> **What to do**: Would you give the entries below again, precisely as they are written?

> **Records shown**:
○ ○ ○ ○

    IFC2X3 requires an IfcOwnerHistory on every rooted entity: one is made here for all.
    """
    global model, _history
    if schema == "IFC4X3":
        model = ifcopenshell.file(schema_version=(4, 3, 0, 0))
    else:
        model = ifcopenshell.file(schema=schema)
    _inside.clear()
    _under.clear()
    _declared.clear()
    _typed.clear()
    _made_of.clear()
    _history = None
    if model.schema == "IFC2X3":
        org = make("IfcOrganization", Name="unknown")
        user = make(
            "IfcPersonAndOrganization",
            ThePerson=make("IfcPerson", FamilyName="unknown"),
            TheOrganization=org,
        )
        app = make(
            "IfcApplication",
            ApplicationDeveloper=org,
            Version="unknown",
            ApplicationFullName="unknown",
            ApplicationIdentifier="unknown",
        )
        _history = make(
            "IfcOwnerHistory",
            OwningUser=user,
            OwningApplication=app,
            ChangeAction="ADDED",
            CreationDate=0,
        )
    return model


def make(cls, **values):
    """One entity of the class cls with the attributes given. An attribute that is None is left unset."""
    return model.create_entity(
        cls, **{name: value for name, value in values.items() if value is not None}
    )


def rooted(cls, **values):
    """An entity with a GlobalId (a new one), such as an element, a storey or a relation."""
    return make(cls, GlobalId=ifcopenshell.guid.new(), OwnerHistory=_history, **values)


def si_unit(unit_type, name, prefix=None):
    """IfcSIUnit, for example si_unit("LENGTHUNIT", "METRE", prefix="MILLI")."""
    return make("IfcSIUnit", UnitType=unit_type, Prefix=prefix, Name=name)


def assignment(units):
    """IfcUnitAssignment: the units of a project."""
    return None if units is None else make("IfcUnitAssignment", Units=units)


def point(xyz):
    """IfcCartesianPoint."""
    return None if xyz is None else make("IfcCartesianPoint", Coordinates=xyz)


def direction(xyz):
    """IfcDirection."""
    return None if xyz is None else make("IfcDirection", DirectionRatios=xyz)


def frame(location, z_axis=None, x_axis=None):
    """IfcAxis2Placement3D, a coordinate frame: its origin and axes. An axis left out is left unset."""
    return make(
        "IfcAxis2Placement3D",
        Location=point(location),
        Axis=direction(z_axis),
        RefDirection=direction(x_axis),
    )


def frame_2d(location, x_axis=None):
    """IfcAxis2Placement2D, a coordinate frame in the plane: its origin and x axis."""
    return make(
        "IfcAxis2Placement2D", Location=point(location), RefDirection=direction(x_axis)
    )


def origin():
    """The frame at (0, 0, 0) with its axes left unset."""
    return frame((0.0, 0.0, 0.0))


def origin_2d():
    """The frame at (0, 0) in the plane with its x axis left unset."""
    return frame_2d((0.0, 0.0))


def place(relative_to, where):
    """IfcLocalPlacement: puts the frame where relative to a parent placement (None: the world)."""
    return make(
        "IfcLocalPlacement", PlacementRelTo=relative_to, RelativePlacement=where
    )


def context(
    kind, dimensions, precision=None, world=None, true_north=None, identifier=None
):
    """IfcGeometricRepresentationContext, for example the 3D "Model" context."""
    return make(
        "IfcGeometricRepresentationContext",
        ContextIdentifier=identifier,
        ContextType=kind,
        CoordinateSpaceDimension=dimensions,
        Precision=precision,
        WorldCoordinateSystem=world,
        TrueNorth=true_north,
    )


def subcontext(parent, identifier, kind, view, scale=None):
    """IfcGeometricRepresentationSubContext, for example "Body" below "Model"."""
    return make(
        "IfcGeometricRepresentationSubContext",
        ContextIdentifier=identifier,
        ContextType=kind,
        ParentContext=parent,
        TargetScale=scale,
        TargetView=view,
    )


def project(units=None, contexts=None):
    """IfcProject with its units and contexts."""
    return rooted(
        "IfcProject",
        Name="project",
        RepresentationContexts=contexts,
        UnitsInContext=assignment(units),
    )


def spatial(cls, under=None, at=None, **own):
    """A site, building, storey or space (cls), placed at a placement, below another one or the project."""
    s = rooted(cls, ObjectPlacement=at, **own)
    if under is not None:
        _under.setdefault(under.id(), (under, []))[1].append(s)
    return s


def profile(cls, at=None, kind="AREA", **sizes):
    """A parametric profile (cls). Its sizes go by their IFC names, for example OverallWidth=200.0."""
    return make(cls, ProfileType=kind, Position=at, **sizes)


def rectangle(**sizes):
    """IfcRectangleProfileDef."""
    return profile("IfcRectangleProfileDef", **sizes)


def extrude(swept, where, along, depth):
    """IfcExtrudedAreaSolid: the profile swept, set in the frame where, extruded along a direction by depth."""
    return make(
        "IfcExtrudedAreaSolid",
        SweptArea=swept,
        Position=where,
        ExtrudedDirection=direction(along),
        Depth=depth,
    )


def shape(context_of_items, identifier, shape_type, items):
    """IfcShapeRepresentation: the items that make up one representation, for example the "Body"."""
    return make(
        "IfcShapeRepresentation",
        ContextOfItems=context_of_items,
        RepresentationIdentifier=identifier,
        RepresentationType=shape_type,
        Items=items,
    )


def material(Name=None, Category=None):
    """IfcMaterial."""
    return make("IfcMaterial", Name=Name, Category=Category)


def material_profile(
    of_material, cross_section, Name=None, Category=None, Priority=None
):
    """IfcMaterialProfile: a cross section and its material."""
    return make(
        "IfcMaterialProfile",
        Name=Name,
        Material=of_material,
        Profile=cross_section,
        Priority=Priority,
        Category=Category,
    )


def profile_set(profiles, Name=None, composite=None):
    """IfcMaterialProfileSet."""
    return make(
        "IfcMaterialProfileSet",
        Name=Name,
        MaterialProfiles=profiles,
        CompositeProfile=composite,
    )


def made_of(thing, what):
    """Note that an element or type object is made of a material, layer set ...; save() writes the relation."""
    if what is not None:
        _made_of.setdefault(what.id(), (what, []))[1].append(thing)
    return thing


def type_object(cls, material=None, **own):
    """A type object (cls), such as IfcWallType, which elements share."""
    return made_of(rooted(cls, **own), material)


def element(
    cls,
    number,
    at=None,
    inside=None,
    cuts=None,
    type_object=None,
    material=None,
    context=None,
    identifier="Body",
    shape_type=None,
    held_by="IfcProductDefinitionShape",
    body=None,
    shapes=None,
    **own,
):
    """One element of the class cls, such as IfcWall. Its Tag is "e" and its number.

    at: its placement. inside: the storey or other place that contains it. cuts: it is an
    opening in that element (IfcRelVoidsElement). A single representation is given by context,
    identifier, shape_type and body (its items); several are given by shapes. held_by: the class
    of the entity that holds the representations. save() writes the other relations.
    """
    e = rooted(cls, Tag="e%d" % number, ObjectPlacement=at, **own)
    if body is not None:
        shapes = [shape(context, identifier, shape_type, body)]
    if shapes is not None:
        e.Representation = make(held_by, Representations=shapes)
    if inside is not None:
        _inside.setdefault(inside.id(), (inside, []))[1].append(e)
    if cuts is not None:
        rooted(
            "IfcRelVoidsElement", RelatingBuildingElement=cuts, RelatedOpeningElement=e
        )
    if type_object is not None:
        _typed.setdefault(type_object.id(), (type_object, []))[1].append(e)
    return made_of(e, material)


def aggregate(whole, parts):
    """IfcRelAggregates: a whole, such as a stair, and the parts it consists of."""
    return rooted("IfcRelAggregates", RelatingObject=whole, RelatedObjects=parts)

○ ○ ○ ○

> **Answer for this exercise**:
    IFC2X3 requires an IfcOwnerHistory on every rooted entity: one is made here for all.
    """
    global model, _history
    if schema == "IFC4X3":
        model = ifcopenshell.file(schema_version=(4, 3, 0, 0))
    else:
        model = ifcopenshell.file(schema=schema)
    _inside.clear()
    _under.clear()
    _declared.clear()
    _typed.clear()
    _made_of.clear()
    _history = None
    if model.schema == "IFC2X3":
        org = make("IfcOrganization", Name="unknown")
        user = make(
            "IfcPersonAndOrganization",
            ThePerson=make("IfcPerson", FamilyName="unknown"),
            TheOrganization=org,
        )
        app = make(
            "IfcApplication",
            ApplicationDeveloper=org,
            Version="unknown",
            ApplicationFullName="unknown",
            ApplicationIdentifier="unknown",
        )
        _history = make(
            "IfcOwnerHistory",
            OwningUser=user,
            OwningApplication=app,
            ChangeAction="ADDED",
            CreationDate=0,
        )
    return model


def make(cls, **values):
    """One entity of the class cls with the attributes given. An attribute that is None is left unset."""
    return model.create_entity(
        cls, **{name: value for name, value in values.items() if value is not None}
    )


def rooted(cls, **values):
    """An entity with a GlobalId (a new one), such as an element, a storey or a relation."""
    return make(cls, GlobalId=ifcopenshell.guid.new(), OwnerHistory=_history, **values)


def si_unit(unit_type, name, prefix=None):
    """IfcSIUnit, for example si_unit("LENGTHUNIT", "METRE", prefix="MILLI")."""
    return make("IfcSIUnit", UnitType=unit_type, Prefix=prefix, Name=name)


def assignment(units):
    """IfcUnitAssignment: the units of a project."""
    return None if units is None else make("IfcUnitAssignment", Units=units)


def point(xyz):
    """IfcCartesianPoint."""
    return None if xyz is None else make("IfcCartesianPoint", Coordinates=xyz)


def direction(xyz):
    """IfcDirection."""
    return None if xyz is None else make("IfcDirection", DirectionRatios=xyz)


def frame(location, z_axis=None, x_axis=None):
    """IfcAxis2Placement3D, a coordinate frame: its origin and axes. An axis left out is left unset."""
    return make(
        "IfcAxis2Placement3D",
        Location=point(location),
        Axis=direction(z_axis),
        RefDirection=direction(x_axis),
    )


def frame_2d(location, x_axis=None):
    """IfcAxis2Placement2D, a coordinate frame in the plane: its origin and x axis."""
    return make(
        "IfcAxis2Placement2D", Location=point(location), RefDirection=direction(x_axis)
    )


def origin():
    """The frame at (0, 0, 0) with its axes left unset."""
    return frame((0.0, 0.0, 0.0))


def origin_2d():
    """The frame at (0, 0) in the plane with its x axis left unset."""
    return frame_2d((0.0, 0.0))


def place(relative_to, where):
    """IfcLocalPlacement: puts the frame where relative to a parent placement (None: the world)."""
    return make(
        "IfcLocalPlacement", PlacementRelTo=relative_to, RelativePlacement=where
    )


def context(
    kind, dimensions, precision=None, world=None, true_north=None, identifier=None
):
    """IfcGeometricRepresentationContext, for example the 3D "Model" context."""
    return make(
        "IfcGeometricRepresentationContext",
        ContextIdentifier=identifier,
        ContextType=kind,
        CoordinateSpaceDimension=dimensions,
        Precision=precision,
        WorldCoordinateSystem=world,
        TrueNorth=true_north,
    )


def subcontext(parent, identifier, kind, view, scale=None):
    """IfcGeometricRepresentationSubContext, for example "Body" below "Model"."""
    return make(
        "IfcGeometricRepresentationSubContext",
        ContextIdentifier=identifier,
        ContextType=kind,
        ParentContext=parent,
        TargetScale=scale,
        TargetView=view,
    )


def project(units=None, contexts=None):
    """IfcProject with its units and contexts."""
    return rooted(
        "IfcProject",
        Name="project",
        RepresentationContexts=contexts,
        UnitsInContext=assignment(units),
    )


def spatial(cls, under=None, at=None, **own):
    """A site, building, storey or space (cls), placed at a placement, below another one or the project."""
    s = rooted(cls, ObjectPlacement=at, **own)
    if under is not None:
        _under.setdefault(under.id(), (under, []))[1].append(s)
    return s


def profile(cls, at=None, kind="AREA", **sizes):
    """A parametric profile (cls). Its sizes go by their IFC names, for example OverallWidth=200.0."""
    return make(cls, ProfileType=kind, Position=at, **sizes)


def rectangle(**sizes):
    """IfcRectangleProfileDef."""
    return profile("IfcRectangleProfileDef", **sizes)


def extrude(swept, where, along, depth):
    """IfcExtrudedAreaSolid: the profile swept, set in the frame where, extruded along a direction by depth."""
    return make(
        "IfcExtrudedAreaSolid",
        SweptArea=swept,
        Position=where,
        ExtrudedDirection=direction(along),
        Depth=depth,
    )


def shape(context_of_items, identifier, shape_type, items):
    """IfcShapeRepresentation: the items that make up one representation, for example the "Body"."""
    return make(
        "IfcShapeRepresentation",
        ContextOfItems=context_of_items,
        RepresentationIdentifier=identifier,
        RepresentationType=shape_type,
        Items=items,
    )


def material(Name=None, Category=None):
    """IfcMaterial."""
    return make("IfcMaterial", Name=Name, Category=Category)


def material_profile(
    of_material, cross_section, Name=None, Category=None, Priority=None
):
    """IfcMaterialProfile: a cross section and its material."""
    return make(
        "IfcMaterialProfile",
        Name=Name,
        Material=of_material,
        Profile=cross_section,
        Priority=Priority,
        Category=Category,
    )


def profile_set(profiles, Name=None, composite=None):
    """IfcMaterialProfileSet."""
    return make(
        "IfcMaterialProfileSet",
        Name=Name,
        MaterialProfiles=profiles,
        CompositeProfile=composite,
    )


def made_of(thing, what):
    """Note that an element or type object is made of a material, layer set ...; save() writes the relation."""
    if what is not None:
        _made_of.setdefault(what.id(), (what, []))[1].append(thing)
    return thing


def type_object(cls, material=None, **own):
    """A type object (cls), such as IfcWallType, which elements share."""
    return made_of(rooted(cls, **own), material)


def element(
    cls,
    number,
    at=None,
    inside=None,
    cuts=None,
    type_object=None,
    material=None,
    context=None,
    identifier="Body",
    shape_type=None,
    held_by="IfcProductDefinitionShape",
    body=None,
    shapes=None,
    **own,
):
    """One element of the class cls, such as IfcWall. Its Tag is "e" and its number.

    at: its placement. inside: the storey or other place that contains it. cuts: it is an
    opening in that element (IfcRelVoidsElement). A single representation is given by context,
    identifier, shape_type and body (its items); several are given by shapes. held_by: the class
    of the entity that holds the representations. save() writes the other relations.
    """
    e = rooted(cls, Tag="e%d" % number, ObjectPlacement=at, **own)
    if body is not None:
        shapes = [shape(context, identifier, shape_type, body)]
    if shapes is not None:
        e.Representation = make(held_by, Representations=shapes)
    if inside is not None:
        _inside.setdefault(inside.id(), (inside, []))[1].append(e)
    if cuts is not None:
        rooted(
            "IfcRelVoidsElement", RelatingBuildingElement=cuts, RelatedOpeningElement=e
        )
    if type_object is not None:
        _typed.setdefault(type_object.id(), (type_object, []))[1].append(e)
    return made_of(e, material)


def aggregate(whole, parts):
    """IfcRelAggregates: a whole, such as a stair, and the parts it consists of."""
    return rooted("IfcRelAggregates", RelatingObject=whole, RelatedObjects=parts)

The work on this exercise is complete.